Exercise: Among the lines of the records, count those containing the word "OverallDepth", then give the number alone.

Stored dataset items
****************

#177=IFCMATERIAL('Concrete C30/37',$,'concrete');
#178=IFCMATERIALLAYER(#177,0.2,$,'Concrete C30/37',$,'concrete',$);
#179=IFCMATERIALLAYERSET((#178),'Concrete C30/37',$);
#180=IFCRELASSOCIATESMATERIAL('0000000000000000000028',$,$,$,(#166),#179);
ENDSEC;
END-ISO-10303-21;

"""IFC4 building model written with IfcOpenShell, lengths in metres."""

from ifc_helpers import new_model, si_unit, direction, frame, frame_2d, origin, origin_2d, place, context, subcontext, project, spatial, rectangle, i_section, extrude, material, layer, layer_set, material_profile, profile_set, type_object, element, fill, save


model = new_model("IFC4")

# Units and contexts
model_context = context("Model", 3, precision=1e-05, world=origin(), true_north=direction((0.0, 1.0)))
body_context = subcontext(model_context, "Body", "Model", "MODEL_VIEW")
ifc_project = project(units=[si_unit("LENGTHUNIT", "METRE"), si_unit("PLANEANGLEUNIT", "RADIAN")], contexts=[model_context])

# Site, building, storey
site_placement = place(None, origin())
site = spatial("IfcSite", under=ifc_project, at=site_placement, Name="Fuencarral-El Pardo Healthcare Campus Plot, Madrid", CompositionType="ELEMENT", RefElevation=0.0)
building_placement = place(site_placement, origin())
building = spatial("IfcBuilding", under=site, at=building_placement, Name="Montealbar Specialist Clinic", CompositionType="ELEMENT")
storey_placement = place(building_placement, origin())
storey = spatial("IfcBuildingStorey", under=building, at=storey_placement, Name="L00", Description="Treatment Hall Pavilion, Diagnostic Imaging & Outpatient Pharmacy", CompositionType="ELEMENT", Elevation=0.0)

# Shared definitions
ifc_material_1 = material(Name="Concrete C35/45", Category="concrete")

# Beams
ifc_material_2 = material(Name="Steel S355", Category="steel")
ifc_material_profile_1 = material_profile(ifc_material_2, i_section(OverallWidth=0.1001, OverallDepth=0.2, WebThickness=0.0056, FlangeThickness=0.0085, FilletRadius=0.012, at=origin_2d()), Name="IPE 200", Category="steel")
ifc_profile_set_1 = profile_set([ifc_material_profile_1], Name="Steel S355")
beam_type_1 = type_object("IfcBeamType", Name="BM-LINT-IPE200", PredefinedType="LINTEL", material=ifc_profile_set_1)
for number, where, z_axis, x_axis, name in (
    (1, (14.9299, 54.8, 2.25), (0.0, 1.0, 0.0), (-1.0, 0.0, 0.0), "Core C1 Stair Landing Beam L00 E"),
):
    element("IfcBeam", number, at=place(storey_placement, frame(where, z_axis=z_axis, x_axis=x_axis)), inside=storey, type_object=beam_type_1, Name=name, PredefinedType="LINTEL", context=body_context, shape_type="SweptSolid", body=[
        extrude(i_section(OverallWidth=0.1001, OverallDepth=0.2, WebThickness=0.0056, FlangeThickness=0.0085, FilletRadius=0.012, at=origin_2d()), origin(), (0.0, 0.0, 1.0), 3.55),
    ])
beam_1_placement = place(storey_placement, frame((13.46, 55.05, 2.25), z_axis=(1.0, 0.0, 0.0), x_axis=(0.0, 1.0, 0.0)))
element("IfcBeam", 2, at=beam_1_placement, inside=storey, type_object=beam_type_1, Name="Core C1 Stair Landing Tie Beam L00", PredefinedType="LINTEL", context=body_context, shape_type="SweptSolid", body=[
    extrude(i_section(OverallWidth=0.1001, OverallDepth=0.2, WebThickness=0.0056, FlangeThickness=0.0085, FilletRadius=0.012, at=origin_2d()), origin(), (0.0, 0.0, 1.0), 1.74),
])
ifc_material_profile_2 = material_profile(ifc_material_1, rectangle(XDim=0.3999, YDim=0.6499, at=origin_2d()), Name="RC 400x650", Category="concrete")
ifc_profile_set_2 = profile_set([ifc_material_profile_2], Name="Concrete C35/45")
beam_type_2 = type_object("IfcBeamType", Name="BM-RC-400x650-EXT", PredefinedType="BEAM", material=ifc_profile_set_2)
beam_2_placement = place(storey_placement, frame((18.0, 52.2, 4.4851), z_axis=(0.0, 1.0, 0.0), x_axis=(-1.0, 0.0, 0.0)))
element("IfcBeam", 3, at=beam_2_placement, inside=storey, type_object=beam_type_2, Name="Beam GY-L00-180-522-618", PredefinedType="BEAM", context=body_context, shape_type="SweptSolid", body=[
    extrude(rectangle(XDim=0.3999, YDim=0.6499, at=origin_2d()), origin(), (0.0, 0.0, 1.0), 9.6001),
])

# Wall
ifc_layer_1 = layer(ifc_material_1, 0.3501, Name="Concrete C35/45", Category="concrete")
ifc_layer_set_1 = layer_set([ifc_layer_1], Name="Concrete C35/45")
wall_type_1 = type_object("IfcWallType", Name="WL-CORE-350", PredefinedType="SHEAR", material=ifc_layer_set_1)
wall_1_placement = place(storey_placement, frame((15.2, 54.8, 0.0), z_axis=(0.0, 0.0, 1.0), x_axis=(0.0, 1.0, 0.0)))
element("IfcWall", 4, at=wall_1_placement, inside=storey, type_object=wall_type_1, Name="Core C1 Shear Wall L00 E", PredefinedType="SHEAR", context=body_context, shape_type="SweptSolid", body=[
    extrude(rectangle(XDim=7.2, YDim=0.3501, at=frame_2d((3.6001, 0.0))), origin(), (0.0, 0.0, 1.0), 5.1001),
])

****************

Exercise output: 3